## RECORD EXCERPTS

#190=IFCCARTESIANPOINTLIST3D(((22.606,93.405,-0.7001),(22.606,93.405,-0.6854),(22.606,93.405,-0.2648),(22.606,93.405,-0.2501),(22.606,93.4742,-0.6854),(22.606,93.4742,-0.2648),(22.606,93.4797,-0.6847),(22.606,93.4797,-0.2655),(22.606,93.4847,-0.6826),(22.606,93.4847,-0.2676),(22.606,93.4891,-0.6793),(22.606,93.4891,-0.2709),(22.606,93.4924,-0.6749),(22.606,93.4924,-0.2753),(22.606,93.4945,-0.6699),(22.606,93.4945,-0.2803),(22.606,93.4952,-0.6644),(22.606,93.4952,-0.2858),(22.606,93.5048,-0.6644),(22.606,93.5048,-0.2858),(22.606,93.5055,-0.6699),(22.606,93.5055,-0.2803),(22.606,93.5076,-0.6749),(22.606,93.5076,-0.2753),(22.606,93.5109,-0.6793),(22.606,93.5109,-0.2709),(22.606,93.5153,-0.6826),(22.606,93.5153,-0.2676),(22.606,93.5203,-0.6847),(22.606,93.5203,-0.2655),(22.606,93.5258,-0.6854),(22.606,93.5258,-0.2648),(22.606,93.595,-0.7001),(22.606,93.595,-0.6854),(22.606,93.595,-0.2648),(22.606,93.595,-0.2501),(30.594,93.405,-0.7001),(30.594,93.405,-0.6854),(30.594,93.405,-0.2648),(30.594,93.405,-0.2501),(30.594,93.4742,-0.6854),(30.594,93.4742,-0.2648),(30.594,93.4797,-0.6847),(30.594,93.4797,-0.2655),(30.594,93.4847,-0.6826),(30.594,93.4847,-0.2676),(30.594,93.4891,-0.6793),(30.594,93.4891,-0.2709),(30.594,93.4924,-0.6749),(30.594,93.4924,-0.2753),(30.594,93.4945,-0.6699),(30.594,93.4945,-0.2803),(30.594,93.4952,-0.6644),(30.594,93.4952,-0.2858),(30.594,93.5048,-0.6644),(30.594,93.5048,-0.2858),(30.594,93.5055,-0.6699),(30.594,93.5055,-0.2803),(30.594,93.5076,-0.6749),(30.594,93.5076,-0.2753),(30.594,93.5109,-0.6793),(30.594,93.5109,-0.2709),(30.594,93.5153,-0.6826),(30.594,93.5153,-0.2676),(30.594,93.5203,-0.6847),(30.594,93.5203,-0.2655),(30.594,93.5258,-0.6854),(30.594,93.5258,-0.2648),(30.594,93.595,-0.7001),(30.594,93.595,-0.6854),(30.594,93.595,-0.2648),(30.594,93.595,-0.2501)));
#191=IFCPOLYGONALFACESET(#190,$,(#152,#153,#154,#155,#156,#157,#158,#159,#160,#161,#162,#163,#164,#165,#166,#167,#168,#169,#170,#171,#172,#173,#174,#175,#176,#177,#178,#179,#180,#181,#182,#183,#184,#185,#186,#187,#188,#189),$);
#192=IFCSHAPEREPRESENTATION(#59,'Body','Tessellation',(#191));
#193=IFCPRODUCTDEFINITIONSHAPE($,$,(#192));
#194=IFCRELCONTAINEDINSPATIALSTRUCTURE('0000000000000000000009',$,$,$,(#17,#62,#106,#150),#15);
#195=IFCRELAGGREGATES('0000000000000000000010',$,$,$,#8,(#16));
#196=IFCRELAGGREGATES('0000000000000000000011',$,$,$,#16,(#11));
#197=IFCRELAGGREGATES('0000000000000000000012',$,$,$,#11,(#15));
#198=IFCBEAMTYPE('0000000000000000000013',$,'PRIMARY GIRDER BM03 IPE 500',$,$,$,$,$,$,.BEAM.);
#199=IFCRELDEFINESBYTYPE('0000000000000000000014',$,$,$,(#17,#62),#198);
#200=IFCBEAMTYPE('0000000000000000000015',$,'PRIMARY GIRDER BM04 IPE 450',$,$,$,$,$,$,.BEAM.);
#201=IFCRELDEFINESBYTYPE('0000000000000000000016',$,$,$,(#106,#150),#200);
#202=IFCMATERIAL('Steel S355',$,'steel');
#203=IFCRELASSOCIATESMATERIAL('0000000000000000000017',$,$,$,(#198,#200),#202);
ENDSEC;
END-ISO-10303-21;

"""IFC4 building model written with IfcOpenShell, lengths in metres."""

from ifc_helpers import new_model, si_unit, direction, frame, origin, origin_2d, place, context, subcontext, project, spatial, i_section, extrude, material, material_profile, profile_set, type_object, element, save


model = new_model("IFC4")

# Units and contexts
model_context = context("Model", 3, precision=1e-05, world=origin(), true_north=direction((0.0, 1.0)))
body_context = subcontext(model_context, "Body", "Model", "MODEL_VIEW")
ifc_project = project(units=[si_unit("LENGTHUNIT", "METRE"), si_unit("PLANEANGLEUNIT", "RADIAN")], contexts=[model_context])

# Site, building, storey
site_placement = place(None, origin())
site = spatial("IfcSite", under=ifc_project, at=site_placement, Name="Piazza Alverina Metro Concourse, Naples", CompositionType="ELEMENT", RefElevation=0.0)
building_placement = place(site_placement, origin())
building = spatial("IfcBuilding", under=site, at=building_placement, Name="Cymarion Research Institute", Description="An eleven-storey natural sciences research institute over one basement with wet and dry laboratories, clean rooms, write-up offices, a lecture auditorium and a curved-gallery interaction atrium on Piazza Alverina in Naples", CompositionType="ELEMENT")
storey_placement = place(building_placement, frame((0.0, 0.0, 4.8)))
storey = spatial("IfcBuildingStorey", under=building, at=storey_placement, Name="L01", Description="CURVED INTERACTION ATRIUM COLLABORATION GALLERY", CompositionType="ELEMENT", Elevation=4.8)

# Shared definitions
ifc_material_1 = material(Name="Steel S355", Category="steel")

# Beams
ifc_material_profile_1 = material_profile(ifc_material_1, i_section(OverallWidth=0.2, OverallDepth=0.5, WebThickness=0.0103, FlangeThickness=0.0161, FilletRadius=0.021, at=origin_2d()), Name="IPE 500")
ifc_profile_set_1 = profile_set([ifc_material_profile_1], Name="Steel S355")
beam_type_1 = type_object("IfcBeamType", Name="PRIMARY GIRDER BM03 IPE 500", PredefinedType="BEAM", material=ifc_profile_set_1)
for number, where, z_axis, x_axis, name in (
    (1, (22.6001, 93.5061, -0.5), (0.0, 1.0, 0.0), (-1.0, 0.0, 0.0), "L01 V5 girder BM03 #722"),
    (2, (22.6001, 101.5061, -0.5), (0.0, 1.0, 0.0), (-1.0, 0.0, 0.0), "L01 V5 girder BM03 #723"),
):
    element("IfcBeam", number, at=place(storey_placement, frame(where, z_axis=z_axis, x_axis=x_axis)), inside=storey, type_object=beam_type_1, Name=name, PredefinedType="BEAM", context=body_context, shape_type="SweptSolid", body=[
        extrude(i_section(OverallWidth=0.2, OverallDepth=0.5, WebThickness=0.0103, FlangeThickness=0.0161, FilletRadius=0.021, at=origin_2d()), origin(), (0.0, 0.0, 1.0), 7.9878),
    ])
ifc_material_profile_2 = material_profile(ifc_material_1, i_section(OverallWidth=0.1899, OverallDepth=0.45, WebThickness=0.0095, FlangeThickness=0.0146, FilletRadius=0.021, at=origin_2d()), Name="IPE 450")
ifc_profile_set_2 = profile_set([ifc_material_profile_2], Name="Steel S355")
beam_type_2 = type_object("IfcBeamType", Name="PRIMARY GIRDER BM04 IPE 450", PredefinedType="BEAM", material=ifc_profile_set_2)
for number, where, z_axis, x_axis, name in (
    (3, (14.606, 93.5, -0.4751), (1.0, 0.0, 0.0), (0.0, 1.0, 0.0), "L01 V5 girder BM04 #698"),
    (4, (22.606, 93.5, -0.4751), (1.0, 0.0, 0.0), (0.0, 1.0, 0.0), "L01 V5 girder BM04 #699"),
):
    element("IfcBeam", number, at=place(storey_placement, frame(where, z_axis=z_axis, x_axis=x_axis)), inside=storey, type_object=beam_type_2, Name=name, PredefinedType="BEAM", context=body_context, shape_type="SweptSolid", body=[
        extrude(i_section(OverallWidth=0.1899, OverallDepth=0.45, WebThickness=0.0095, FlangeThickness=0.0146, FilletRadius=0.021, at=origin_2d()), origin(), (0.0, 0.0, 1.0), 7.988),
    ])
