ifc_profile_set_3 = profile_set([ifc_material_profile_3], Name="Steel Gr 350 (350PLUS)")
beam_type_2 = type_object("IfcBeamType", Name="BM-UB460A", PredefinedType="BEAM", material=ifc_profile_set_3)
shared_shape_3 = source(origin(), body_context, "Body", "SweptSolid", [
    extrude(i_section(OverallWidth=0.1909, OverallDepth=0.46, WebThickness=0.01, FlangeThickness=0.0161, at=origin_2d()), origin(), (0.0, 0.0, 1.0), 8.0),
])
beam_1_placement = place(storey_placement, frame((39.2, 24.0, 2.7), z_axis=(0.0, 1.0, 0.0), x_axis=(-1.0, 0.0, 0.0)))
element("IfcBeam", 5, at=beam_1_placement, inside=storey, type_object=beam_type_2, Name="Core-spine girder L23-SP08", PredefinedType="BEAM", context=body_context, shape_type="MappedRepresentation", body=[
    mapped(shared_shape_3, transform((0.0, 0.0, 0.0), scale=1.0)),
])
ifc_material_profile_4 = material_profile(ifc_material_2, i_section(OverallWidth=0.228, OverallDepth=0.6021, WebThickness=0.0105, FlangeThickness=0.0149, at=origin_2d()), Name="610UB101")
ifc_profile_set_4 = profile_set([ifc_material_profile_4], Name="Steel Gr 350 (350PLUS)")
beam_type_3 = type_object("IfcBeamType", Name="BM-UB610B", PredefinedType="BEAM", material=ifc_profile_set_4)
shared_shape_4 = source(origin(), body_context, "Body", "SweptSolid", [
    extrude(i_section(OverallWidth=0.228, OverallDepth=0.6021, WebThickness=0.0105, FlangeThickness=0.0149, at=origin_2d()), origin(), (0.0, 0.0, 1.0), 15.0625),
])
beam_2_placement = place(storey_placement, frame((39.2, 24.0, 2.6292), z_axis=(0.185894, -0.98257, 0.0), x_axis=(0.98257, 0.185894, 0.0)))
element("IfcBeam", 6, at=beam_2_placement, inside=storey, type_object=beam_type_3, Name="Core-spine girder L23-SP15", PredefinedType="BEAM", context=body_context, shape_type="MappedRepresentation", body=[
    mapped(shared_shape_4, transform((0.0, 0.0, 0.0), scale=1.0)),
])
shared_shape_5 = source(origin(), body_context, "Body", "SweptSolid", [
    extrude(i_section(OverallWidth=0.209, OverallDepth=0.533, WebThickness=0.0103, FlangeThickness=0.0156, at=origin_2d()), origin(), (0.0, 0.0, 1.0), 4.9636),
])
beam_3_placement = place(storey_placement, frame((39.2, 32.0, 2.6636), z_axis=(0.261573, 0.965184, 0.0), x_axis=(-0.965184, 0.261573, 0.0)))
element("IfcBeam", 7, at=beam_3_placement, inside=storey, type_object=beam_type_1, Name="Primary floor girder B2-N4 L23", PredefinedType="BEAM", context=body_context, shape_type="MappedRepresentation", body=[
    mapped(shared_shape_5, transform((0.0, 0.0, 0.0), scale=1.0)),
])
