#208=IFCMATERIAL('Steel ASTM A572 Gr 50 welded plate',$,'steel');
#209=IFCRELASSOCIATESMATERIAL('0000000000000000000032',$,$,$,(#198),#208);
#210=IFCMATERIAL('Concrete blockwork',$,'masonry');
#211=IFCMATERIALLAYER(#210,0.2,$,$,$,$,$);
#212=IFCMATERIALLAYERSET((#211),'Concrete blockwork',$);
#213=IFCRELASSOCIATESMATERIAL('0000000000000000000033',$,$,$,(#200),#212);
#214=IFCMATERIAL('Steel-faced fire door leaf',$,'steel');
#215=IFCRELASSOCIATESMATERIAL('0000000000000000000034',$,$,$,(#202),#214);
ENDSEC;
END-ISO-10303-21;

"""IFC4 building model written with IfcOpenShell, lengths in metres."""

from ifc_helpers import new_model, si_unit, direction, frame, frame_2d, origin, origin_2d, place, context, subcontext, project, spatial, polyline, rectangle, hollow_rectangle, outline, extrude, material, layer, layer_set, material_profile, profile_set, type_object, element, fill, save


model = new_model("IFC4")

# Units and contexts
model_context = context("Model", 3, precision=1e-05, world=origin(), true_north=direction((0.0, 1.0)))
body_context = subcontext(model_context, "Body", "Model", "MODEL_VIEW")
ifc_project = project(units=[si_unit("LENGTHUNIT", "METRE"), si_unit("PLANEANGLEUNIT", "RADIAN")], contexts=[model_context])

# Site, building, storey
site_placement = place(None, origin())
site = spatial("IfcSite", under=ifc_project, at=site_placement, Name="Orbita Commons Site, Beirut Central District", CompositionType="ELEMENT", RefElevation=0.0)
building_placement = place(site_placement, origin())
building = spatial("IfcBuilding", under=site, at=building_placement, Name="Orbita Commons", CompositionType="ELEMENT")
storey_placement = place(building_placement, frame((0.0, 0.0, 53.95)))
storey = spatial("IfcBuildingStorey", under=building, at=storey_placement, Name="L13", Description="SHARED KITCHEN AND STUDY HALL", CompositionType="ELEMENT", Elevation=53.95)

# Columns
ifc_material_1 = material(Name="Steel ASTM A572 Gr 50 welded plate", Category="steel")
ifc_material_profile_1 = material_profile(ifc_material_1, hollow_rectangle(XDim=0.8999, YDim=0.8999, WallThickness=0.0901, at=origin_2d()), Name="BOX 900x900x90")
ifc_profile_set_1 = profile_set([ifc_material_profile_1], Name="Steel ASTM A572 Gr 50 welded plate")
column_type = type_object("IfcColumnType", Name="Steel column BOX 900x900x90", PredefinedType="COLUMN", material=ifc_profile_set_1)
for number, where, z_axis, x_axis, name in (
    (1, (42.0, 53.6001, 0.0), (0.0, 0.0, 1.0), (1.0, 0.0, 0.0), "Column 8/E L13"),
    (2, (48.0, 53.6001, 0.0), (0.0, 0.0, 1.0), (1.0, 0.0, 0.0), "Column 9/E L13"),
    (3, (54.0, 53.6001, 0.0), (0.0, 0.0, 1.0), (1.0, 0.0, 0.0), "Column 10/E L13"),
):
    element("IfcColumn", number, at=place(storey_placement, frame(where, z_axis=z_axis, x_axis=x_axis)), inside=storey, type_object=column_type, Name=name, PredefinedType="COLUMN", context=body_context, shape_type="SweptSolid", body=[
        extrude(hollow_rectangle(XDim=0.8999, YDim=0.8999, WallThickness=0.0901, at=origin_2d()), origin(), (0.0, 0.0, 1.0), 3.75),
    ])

## WHAT TO PRODUCE
Working from the entries above, return all lines that contain "save".

## EXPECTED ANSWER
from ifc_helpers import new_model, si_unit, direction, frame, origin, origin_2d, place, context, subcontext, project, spatial, i_section, extrude, material, material_profile, profile_set, type_object, element, save
from ifc_helpers import new_model, si_unit, direction, frame, frame_2d, origin, origin_2d, place, context, subcontext, project, spatial, polyline, rectangle, hollow_rectangle, outline, extrude, material, layer, layer_set, material_profile, profile_set, type_object, element, fill, save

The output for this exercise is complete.